Collected data entries:

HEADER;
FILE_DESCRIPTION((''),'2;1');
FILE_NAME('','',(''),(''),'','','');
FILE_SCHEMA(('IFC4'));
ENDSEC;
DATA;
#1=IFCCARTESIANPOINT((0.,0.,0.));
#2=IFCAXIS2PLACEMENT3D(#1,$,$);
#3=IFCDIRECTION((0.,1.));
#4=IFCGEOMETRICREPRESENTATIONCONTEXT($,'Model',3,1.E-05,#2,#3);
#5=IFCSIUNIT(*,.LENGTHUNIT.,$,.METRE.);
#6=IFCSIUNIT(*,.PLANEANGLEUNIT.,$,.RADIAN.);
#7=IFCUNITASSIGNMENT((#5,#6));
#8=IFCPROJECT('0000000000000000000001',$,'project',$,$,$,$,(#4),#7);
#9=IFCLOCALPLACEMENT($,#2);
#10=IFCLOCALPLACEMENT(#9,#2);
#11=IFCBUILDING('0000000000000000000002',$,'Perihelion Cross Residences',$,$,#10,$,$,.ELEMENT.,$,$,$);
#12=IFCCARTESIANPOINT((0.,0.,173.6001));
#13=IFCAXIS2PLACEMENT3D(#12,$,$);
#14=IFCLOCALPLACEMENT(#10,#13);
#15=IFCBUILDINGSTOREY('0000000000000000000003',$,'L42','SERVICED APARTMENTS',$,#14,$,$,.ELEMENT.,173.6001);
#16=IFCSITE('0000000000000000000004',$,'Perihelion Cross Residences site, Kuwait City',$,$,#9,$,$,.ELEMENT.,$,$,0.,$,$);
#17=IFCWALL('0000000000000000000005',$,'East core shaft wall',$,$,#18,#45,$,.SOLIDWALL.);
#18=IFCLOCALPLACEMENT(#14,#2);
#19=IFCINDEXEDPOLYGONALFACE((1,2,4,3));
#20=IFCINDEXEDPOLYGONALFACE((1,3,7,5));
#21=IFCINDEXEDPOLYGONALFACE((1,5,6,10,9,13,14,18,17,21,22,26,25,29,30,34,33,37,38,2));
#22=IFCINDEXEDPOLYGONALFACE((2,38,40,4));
==
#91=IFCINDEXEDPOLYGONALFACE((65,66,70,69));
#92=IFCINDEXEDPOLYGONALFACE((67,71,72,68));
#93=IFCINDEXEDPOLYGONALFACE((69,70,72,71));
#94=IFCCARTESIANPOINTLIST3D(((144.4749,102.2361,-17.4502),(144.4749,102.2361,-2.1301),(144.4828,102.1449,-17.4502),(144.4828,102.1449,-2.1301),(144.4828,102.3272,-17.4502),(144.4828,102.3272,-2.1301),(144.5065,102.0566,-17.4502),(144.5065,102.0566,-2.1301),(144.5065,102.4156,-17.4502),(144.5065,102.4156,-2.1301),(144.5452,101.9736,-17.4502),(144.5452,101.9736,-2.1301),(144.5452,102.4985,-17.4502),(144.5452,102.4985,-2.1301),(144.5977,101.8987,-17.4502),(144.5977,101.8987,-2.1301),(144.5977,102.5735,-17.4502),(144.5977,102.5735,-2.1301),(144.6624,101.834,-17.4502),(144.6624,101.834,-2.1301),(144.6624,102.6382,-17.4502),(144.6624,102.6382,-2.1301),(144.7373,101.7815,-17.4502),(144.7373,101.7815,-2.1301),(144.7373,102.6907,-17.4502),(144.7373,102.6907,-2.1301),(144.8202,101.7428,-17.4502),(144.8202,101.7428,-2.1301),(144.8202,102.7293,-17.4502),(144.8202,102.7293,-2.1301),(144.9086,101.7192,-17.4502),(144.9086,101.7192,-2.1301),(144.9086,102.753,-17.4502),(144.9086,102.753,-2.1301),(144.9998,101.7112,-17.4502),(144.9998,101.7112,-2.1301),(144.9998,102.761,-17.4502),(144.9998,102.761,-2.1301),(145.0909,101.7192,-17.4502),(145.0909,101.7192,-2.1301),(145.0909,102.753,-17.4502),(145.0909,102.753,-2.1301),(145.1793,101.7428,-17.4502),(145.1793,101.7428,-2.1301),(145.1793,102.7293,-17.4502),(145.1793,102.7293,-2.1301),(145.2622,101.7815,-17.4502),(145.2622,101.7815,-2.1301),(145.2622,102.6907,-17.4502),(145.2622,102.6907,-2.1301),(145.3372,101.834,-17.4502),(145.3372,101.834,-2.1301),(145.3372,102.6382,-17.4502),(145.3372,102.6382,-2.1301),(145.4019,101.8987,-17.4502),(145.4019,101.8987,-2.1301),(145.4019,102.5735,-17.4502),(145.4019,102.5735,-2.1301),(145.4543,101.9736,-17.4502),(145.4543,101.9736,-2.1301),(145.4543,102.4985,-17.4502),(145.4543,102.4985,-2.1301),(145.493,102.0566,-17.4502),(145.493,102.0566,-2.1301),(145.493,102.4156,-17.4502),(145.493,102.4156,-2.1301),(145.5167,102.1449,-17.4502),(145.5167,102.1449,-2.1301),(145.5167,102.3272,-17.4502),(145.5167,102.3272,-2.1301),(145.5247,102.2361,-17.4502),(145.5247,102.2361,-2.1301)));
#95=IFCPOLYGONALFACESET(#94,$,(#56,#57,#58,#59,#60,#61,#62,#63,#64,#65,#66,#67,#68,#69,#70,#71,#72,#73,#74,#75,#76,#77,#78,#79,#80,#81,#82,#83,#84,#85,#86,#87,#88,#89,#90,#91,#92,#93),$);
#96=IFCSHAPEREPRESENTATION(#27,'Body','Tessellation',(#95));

#### What the exercise asks:
State the number of lines in the data above containing the string "Cross" and nothing more.

#### Answer to this exercise:
2